**THE INPUT:**

-------

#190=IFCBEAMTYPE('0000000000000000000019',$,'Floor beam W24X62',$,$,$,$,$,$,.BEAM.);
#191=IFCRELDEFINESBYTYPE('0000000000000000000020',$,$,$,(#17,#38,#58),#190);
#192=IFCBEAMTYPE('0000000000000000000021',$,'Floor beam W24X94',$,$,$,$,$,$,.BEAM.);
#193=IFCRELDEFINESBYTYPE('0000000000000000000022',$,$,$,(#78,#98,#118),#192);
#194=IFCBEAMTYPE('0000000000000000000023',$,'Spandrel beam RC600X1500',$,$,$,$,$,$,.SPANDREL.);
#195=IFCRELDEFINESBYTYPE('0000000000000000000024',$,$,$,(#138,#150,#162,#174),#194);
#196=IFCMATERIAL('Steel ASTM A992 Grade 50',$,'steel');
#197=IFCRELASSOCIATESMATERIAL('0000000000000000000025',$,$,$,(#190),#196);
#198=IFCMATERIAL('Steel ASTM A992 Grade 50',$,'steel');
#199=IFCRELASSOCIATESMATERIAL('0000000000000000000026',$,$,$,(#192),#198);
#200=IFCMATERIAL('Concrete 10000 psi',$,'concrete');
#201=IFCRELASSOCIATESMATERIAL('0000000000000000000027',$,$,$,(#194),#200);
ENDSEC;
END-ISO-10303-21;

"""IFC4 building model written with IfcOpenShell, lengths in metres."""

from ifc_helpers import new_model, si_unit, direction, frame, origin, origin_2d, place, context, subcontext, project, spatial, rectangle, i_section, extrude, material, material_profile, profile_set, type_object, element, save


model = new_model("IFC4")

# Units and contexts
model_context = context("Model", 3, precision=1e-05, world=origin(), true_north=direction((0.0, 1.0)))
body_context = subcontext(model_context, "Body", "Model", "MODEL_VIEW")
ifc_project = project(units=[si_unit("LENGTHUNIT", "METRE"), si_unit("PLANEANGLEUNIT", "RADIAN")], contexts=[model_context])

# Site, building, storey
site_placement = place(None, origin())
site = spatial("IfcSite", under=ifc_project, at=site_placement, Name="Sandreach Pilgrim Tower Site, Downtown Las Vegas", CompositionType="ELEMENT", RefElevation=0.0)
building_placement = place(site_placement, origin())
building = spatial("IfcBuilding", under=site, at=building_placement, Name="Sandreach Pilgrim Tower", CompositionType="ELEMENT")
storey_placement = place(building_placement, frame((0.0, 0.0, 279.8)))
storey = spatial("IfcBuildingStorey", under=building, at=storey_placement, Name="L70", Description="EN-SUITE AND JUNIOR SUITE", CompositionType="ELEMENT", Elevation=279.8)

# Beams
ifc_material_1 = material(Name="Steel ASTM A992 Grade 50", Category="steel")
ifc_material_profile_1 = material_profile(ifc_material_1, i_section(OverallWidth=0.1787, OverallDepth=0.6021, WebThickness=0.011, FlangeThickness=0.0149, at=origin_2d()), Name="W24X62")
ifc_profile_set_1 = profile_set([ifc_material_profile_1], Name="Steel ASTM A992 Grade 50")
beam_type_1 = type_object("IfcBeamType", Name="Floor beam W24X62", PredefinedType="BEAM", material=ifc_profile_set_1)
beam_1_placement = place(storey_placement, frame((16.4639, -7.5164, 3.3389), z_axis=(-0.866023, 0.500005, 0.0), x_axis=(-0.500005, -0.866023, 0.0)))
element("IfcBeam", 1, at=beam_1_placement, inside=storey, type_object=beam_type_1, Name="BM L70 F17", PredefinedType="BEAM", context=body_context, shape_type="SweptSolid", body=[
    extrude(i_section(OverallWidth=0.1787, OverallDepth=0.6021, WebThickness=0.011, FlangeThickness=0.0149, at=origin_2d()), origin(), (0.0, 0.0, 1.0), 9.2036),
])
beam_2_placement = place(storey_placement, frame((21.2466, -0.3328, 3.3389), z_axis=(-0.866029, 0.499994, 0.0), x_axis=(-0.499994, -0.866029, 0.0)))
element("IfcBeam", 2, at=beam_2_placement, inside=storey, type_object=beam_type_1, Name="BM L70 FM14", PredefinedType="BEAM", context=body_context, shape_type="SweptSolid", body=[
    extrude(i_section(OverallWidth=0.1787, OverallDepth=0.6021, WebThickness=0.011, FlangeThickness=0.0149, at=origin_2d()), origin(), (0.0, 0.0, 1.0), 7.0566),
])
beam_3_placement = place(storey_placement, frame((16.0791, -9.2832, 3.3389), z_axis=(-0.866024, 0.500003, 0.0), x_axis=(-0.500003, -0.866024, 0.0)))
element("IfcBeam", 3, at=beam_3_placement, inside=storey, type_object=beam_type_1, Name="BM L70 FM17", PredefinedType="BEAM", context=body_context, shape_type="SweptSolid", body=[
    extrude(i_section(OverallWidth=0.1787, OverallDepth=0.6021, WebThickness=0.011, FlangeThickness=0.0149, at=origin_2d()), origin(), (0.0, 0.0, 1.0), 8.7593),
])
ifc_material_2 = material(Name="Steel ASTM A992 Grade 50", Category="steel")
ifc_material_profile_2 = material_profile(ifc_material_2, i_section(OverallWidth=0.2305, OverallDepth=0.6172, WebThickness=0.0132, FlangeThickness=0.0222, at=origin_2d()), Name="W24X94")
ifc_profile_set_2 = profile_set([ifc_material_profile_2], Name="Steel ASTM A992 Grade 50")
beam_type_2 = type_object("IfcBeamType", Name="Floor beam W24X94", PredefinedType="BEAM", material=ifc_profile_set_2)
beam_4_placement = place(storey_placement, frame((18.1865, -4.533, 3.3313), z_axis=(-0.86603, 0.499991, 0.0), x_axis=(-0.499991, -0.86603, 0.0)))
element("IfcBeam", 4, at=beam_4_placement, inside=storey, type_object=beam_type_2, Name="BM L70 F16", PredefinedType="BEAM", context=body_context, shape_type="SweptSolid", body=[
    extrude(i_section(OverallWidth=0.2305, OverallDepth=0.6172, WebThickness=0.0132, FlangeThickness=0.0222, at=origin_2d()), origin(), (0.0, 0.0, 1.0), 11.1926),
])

-------

Look through the material and copy each line that has "OverallWidth".

ifc_material_profile_1 = material_profile(ifc_material_1, i_section(OverallWidth=0.1787, OverallDepth=0.6021, WebThickness=0.011, FlangeThickness=0.0149, at=origin_2d()), Name="W24X62")
    extrude(i_section(OverallWidth=0.1787, OverallDepth=0.6021, WebThickness=0.011, FlangeThickness=0.0149, at=origin_2d()), origin(), (0.0, 0.0, 1.0), 9.2036),
    extrude(i_section(OverallWidth=0.1787, OverallDepth=0.6021, WebThickness=0.011, FlangeThickness=0.0149, at=origin_2d()), origin(), (0.0, 0.0, 1.0), 7.0566),
    extrude(i_section(OverallWidth=0.1787, OverallDepth=0.6021, WebThickness=0.011, FlangeThickness=0.0149, at=origin_2d()), origin(), (0.0, 0.0, 1.0), 8.7593),
ifc_material_profile_2 = material_profile(ifc_material_2, i_section(OverallWidth=0.2305, OverallDepth=0.6172, WebThickness=0.0132, FlangeThickness=0.0222, at=origin_2d()), Name="W24X94")
    extrude(i_section(OverallWidth=0.2305, OverallDepth=0.6172, WebThickness=0.0132, FlangeThickness=0.0222, at=origin_2d()), origin(), (0.0, 0.0, 1.0), 11.1926),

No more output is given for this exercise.